GIVEN DATA ::
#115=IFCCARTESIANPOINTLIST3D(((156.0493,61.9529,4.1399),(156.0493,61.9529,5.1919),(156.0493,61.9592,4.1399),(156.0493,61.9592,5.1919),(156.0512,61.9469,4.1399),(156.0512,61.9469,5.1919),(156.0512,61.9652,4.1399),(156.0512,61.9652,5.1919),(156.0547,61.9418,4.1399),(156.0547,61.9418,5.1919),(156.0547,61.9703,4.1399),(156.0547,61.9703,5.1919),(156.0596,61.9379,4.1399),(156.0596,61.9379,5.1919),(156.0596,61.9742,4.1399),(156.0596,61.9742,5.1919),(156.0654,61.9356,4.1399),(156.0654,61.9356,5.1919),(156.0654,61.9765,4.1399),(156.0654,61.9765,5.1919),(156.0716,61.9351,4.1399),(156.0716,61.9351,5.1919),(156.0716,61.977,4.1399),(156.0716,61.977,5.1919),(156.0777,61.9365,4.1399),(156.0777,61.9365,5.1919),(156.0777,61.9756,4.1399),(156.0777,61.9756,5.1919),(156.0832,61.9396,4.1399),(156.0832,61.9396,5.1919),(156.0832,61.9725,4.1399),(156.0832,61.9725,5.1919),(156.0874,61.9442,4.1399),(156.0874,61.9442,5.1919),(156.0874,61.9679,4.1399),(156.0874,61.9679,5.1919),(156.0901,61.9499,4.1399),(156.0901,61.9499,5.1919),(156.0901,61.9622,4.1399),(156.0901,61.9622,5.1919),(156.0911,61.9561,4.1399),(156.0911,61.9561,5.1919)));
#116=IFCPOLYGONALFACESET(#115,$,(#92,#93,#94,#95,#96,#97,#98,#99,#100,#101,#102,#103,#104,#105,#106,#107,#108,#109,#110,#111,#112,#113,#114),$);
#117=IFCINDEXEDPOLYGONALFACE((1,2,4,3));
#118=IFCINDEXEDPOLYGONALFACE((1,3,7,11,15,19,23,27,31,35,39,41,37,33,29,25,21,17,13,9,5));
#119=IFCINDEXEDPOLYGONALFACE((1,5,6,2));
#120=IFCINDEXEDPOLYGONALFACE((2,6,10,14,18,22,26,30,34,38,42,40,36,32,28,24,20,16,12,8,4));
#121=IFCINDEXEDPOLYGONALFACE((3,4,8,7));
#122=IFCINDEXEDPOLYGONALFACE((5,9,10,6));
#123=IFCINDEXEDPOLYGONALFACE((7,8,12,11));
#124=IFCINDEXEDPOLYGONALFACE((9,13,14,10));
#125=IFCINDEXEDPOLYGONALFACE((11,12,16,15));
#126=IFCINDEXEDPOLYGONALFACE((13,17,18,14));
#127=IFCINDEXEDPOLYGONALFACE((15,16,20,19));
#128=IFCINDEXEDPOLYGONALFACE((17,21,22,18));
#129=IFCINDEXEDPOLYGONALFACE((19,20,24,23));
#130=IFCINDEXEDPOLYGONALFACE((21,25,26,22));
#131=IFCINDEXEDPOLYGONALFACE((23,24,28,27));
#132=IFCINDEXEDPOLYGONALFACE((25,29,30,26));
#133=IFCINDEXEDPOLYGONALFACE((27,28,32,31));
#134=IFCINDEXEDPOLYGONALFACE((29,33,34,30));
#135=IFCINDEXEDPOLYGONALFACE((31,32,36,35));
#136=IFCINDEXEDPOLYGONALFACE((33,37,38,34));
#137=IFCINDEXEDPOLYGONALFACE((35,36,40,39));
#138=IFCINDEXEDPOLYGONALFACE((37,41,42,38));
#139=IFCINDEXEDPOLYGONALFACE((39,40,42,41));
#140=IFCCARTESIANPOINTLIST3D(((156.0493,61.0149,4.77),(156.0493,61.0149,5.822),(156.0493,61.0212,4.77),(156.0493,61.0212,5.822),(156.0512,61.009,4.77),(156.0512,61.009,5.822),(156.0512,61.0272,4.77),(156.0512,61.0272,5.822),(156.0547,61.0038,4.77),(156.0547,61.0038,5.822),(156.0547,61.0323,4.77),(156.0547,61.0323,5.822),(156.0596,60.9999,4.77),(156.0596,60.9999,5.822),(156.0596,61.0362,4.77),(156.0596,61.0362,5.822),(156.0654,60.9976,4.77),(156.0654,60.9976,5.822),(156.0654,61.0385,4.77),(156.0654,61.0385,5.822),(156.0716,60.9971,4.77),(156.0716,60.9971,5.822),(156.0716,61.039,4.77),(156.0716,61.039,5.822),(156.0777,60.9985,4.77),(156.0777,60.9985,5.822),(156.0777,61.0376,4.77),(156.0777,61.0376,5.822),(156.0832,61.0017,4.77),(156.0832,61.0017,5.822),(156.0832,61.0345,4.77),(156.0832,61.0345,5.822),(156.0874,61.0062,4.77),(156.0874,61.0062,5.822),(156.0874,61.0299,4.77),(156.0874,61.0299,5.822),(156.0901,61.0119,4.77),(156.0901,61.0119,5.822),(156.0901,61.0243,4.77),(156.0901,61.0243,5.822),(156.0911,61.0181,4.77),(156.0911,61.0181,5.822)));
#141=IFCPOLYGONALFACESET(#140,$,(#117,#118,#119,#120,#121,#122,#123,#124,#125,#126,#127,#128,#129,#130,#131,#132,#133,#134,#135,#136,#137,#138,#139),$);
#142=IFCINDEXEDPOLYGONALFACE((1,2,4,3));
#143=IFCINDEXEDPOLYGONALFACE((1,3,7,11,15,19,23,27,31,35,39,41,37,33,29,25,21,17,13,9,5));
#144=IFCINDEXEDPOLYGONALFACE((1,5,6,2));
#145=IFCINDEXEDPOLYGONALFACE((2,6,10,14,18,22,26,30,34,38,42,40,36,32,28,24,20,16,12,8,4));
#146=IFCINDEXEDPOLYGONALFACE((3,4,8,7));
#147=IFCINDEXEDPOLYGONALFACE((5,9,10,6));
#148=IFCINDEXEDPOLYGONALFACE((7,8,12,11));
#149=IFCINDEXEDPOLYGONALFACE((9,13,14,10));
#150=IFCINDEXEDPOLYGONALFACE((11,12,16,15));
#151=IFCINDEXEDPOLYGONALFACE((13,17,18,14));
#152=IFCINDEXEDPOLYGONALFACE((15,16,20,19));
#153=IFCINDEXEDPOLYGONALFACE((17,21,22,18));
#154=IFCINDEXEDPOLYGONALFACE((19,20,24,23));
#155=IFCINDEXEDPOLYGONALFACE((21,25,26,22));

EXERCISE INSTRUCTIONS :: The entries above hold the needed span. Transcribe exactly the lines from the one with "#136=IFCINDEXEDPOLYGONALFACE((33,37,38,34));" to the one with "#139=IFCINDEXEDPOLYGONALFACE((39,40,42,41));", both included.

RESULT OF THE EXERCISE ::
#136=IFCINDEXEDPOLYGONALFACE((33,37,38,34));
#137=IFCINDEXEDPOLYGONALFACE((35,36,40,39));
#138=IFCINDEXEDPOLYGONALFACE((37,41,42,38));
#139=IFCINDEXEDPOLYGONALFACE((39,40,42,41));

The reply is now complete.